| WHAT THE EXERCISE ASKS |
Look through the records below and give the number of lines holding the string "Kilnfold", nothing more.

*** Opening of AVAILABLE DATA ***

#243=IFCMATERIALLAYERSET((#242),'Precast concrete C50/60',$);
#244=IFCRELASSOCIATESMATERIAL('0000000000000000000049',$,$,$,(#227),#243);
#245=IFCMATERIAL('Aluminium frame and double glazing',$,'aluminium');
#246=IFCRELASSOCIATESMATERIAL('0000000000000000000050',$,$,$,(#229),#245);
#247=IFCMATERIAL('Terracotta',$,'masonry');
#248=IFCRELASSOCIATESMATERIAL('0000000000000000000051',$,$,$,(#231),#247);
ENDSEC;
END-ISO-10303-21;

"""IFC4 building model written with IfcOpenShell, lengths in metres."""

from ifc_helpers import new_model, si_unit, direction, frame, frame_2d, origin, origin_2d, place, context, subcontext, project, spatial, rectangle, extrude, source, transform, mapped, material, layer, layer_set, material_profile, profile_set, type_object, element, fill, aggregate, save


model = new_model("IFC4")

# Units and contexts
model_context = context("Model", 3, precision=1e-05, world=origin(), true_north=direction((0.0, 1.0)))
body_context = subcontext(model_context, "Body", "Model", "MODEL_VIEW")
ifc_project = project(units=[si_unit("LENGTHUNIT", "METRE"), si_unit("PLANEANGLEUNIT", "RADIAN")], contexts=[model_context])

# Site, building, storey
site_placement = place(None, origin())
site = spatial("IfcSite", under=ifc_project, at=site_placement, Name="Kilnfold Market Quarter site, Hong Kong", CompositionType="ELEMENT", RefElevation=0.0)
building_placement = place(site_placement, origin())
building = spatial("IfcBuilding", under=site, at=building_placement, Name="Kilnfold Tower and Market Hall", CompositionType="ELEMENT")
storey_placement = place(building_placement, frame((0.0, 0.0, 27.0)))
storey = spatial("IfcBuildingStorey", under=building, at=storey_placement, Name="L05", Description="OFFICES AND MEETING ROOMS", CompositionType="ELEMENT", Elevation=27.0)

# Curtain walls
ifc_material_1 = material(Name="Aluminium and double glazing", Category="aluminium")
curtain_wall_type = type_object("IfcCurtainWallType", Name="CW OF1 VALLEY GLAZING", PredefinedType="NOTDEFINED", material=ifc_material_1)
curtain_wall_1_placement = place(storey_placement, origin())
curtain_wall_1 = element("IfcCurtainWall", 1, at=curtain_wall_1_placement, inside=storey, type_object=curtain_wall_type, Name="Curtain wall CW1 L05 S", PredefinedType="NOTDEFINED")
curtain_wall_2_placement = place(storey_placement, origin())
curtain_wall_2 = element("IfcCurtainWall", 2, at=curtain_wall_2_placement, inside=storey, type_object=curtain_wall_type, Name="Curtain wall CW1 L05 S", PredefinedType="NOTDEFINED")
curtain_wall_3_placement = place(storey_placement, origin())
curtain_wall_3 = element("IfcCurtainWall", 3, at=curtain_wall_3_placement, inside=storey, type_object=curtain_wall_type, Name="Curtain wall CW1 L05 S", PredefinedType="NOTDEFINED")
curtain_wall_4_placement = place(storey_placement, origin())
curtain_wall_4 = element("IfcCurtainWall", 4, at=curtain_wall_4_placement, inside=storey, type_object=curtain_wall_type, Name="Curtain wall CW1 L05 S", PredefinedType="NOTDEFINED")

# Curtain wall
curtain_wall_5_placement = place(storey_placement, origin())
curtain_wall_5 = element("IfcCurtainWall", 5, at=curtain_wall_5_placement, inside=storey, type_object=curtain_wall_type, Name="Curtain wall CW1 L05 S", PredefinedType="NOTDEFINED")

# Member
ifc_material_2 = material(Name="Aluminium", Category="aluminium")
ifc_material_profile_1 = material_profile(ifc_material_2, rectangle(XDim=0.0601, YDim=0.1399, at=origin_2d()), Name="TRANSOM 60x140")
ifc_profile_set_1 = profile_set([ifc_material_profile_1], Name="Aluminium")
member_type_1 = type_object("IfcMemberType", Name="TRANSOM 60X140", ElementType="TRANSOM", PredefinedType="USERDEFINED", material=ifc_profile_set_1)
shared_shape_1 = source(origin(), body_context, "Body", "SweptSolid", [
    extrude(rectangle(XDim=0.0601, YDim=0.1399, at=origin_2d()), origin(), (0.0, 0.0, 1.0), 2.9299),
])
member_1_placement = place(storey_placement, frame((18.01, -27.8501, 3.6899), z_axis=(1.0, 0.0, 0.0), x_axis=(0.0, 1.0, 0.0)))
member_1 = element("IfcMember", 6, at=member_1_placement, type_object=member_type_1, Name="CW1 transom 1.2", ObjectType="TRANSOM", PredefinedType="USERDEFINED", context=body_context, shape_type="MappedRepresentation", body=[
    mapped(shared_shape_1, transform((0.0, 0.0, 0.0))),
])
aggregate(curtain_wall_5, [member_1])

*** Close of AVAILABLE DATA ***

| RESULT OF THE EXERCISE |
2